Top of GIVEN RECORDS
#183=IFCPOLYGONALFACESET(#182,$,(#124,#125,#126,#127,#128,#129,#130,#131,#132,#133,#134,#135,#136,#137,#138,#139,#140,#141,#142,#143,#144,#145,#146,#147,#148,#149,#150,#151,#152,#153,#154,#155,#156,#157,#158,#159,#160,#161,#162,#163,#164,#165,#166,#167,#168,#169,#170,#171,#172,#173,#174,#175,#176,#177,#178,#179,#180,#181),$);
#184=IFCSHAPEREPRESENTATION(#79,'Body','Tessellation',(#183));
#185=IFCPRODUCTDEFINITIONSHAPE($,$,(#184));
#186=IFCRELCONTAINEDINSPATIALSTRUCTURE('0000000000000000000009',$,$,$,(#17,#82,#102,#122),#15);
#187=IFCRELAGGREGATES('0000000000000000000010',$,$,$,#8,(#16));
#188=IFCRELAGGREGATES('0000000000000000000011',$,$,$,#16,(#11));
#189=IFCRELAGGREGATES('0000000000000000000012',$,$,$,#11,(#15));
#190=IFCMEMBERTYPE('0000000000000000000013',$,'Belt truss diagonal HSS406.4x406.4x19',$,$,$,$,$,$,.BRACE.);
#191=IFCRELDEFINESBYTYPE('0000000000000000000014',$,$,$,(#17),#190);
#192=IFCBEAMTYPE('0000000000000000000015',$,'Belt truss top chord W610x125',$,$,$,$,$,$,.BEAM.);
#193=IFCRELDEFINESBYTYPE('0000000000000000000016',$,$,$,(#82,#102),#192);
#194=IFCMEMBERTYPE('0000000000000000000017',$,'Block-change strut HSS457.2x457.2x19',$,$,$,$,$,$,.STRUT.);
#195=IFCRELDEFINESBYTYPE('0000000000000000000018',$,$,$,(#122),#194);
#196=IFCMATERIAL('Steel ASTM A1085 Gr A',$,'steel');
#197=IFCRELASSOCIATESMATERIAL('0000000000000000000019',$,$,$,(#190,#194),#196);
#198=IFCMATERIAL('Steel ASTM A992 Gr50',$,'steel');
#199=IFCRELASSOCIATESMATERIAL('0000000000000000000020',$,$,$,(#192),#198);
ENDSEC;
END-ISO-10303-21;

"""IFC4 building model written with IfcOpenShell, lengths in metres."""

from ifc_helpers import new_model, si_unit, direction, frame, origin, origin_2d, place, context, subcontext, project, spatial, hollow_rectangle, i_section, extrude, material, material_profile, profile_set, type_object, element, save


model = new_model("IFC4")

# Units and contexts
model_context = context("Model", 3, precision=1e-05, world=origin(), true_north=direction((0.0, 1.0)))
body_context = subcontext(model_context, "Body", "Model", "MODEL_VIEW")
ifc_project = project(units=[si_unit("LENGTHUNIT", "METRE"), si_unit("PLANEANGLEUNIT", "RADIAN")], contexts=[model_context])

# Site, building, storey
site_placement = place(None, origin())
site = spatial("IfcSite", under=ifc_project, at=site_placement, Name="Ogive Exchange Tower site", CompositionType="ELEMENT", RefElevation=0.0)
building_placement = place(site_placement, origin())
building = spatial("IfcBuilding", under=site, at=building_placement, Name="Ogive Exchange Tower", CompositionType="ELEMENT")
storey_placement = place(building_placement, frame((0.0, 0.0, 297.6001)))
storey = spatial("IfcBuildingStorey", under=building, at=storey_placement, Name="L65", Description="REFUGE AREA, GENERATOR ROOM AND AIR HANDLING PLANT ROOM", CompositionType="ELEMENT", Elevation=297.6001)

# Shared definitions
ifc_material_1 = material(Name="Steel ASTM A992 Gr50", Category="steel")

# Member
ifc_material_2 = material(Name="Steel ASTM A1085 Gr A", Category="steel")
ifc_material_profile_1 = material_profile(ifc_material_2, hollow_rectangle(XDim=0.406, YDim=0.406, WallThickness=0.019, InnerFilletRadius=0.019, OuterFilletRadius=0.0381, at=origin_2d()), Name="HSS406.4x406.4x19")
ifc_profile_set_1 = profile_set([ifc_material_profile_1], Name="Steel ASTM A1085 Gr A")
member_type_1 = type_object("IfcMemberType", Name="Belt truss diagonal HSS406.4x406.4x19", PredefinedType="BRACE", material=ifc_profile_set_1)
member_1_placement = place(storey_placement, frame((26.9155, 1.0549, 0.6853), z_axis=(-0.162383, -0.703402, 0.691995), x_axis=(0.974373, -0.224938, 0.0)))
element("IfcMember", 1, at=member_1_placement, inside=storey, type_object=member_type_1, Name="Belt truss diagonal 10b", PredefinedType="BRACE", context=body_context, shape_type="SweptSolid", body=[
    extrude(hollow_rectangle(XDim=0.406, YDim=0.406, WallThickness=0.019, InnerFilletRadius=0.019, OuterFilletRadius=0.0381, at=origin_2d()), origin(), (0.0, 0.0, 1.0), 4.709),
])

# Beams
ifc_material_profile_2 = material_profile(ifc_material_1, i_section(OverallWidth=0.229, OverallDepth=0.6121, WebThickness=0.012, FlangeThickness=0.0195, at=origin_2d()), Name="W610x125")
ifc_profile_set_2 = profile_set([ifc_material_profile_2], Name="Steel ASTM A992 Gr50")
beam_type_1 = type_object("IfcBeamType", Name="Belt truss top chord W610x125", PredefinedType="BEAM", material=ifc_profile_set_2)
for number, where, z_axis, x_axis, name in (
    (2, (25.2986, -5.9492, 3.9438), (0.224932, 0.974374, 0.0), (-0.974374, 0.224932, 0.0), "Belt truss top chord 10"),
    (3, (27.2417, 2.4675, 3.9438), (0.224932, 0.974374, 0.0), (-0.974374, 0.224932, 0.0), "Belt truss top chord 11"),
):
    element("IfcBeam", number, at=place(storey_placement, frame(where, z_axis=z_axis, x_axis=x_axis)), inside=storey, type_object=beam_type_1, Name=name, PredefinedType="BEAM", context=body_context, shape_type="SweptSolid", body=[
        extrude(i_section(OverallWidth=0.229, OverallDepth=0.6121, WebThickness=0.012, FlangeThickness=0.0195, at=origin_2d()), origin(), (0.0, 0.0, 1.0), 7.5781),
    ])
Bottom of GIVEN RECORDS
INSTRUCTIONS TO FOLLOW.
Your reply should be one number: how many lines in the listing hold the word "XDim".

EXERCISE SOLUTION.
2